Could you restate word for word every line of the records below, from the first one to the one holding "#53=IFCINDEXEDPOLYGONALFACE((5,7,8,6));"?

====== Extracted records ======

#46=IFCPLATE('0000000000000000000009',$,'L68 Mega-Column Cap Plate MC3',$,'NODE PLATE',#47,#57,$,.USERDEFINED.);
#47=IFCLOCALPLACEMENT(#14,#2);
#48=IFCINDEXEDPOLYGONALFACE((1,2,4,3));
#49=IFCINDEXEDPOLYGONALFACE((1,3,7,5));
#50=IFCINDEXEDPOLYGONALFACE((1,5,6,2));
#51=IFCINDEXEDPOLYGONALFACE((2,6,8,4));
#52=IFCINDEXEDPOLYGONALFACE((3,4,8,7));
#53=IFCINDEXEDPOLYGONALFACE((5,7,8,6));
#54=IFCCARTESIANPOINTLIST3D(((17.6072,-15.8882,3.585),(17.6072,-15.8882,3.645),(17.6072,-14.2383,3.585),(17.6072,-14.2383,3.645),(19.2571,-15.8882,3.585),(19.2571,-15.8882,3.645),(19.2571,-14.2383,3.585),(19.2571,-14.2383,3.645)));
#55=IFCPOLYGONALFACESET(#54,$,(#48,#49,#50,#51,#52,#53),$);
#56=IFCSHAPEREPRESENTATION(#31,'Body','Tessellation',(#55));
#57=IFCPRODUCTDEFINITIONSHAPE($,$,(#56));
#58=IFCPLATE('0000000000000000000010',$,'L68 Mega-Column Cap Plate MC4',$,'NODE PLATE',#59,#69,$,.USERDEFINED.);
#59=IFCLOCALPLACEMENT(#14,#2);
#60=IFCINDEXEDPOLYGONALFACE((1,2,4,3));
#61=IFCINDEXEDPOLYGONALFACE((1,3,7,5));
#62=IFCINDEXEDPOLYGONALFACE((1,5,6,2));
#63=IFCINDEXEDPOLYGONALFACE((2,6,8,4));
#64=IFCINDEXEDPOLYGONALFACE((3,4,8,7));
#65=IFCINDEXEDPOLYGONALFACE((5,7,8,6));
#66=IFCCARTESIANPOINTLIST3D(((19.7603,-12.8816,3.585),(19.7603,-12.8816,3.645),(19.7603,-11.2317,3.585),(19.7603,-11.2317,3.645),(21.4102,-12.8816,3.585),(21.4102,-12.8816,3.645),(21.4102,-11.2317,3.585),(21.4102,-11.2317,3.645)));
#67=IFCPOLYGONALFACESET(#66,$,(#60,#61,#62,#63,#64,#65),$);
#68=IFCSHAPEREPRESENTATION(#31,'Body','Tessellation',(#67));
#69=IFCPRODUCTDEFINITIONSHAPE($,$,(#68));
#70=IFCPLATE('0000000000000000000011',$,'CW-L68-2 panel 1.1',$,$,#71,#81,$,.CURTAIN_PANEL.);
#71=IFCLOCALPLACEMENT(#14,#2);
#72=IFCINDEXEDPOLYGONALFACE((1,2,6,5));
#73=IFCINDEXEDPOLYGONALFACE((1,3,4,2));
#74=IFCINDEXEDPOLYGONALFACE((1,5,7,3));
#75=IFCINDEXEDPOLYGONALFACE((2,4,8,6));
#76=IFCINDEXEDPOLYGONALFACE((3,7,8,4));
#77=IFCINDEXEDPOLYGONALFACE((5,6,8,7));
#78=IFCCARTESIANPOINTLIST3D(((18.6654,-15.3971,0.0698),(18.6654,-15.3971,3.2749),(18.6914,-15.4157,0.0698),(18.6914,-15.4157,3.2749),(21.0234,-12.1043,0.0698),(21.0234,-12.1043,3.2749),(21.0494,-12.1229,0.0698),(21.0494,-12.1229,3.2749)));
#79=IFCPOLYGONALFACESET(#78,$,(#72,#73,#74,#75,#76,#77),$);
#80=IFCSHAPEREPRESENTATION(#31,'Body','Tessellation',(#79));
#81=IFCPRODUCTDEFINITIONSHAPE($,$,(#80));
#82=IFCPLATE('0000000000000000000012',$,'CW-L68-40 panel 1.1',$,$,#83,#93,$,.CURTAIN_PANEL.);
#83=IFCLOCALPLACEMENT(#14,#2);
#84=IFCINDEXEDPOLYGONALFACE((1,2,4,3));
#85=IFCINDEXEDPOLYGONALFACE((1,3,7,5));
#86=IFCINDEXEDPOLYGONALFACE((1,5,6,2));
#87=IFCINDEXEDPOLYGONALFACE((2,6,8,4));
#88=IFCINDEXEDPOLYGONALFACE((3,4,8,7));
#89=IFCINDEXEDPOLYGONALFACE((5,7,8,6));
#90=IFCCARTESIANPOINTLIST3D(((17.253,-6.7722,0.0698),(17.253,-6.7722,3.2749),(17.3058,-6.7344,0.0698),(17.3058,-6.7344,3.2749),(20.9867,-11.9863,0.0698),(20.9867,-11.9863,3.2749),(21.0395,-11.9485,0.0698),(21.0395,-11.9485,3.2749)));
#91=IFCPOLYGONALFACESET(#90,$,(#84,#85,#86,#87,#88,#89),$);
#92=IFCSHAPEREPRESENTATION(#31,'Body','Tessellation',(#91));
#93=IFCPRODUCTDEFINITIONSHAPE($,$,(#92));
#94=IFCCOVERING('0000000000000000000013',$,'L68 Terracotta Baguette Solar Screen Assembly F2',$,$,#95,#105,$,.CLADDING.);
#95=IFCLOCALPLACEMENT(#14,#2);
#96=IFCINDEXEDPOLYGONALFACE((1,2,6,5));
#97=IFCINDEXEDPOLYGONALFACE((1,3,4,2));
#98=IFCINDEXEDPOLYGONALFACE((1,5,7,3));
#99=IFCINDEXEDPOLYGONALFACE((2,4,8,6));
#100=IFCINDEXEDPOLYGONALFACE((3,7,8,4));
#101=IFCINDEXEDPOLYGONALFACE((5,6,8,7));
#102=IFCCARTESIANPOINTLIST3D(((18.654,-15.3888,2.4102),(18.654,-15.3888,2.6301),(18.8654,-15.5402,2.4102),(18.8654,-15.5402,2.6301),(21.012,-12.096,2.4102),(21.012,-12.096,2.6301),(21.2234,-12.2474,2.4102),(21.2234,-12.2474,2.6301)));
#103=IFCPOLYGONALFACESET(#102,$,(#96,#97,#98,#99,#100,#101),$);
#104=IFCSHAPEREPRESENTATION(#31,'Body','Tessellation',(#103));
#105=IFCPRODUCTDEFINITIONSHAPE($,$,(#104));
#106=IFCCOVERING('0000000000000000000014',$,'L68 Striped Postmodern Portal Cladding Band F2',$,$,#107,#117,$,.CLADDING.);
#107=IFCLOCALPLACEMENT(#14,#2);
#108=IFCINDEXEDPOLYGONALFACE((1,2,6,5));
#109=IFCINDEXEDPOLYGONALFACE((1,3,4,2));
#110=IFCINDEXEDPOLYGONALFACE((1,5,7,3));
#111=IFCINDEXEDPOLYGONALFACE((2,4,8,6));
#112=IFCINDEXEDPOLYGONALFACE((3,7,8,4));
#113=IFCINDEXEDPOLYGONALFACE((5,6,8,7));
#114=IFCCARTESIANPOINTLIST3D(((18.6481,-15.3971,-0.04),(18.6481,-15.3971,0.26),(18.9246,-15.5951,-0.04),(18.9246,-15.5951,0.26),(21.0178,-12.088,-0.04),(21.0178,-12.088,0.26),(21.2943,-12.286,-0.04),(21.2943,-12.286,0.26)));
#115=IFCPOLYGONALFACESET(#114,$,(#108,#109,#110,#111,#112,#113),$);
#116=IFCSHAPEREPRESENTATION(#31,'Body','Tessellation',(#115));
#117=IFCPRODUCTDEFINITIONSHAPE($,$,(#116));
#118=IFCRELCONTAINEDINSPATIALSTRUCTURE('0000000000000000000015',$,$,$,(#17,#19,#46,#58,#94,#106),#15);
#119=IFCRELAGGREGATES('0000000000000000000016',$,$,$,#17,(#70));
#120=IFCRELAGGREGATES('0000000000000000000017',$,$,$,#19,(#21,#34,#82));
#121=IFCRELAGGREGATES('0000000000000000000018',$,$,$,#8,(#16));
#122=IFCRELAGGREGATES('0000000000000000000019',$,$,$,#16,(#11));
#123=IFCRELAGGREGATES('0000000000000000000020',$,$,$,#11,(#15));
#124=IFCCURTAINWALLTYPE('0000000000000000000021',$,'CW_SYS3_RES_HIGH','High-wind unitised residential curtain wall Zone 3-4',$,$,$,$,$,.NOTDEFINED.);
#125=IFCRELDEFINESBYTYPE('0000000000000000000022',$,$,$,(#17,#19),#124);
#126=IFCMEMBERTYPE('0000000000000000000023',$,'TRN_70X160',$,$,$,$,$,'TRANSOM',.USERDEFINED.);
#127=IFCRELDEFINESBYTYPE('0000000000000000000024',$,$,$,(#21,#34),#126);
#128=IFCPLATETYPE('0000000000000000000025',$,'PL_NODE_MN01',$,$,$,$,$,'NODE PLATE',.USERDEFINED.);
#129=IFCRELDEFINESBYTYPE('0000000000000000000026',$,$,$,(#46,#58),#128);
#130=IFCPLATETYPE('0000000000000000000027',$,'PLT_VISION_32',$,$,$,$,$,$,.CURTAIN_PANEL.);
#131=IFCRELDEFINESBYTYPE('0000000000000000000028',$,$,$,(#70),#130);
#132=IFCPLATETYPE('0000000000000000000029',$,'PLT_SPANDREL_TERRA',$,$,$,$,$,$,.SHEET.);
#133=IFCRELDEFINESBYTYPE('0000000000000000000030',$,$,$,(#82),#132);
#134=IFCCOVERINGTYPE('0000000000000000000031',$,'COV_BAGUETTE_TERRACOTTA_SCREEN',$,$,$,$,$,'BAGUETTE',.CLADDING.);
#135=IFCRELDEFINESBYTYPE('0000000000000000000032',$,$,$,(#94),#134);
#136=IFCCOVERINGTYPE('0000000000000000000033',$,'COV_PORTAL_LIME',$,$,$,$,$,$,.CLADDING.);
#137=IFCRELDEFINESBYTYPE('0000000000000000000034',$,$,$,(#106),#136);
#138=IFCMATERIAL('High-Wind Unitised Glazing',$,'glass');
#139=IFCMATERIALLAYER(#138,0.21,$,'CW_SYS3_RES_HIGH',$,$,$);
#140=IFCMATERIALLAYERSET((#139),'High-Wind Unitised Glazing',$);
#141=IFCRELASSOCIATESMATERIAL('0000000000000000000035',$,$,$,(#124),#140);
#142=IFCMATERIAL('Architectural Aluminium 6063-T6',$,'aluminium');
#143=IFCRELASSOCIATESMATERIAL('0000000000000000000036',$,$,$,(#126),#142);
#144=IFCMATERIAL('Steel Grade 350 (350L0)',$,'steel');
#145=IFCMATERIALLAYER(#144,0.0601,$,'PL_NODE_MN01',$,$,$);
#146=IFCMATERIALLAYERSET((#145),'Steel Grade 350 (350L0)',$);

======

▸ **Result**
#46=IFCPLATE('0000000000000000000009',$,'L68 Mega-Column Cap Plate MC3',$,'NODE PLATE',#47,#57,$,.USERDEFINED.);
#47=IFCLOCALPLACEMENT(#14,#2);
#48=IFCINDEXEDPOLYGONALFACE((1,2,4,3));
#49=IFCINDEXEDPOLYGONALFACE((1,3,7,5));
#50=IFCINDEXEDPOLYGONALFACE((1,5,6,2));
#51=IFCINDEXEDPOLYGONALFACE((2,6,8,4));
#52=IFCINDEXEDPOLYGONALFACE((3,4,8,7));
#53=IFCINDEXEDPOLYGONALFACE((5,7,8,6));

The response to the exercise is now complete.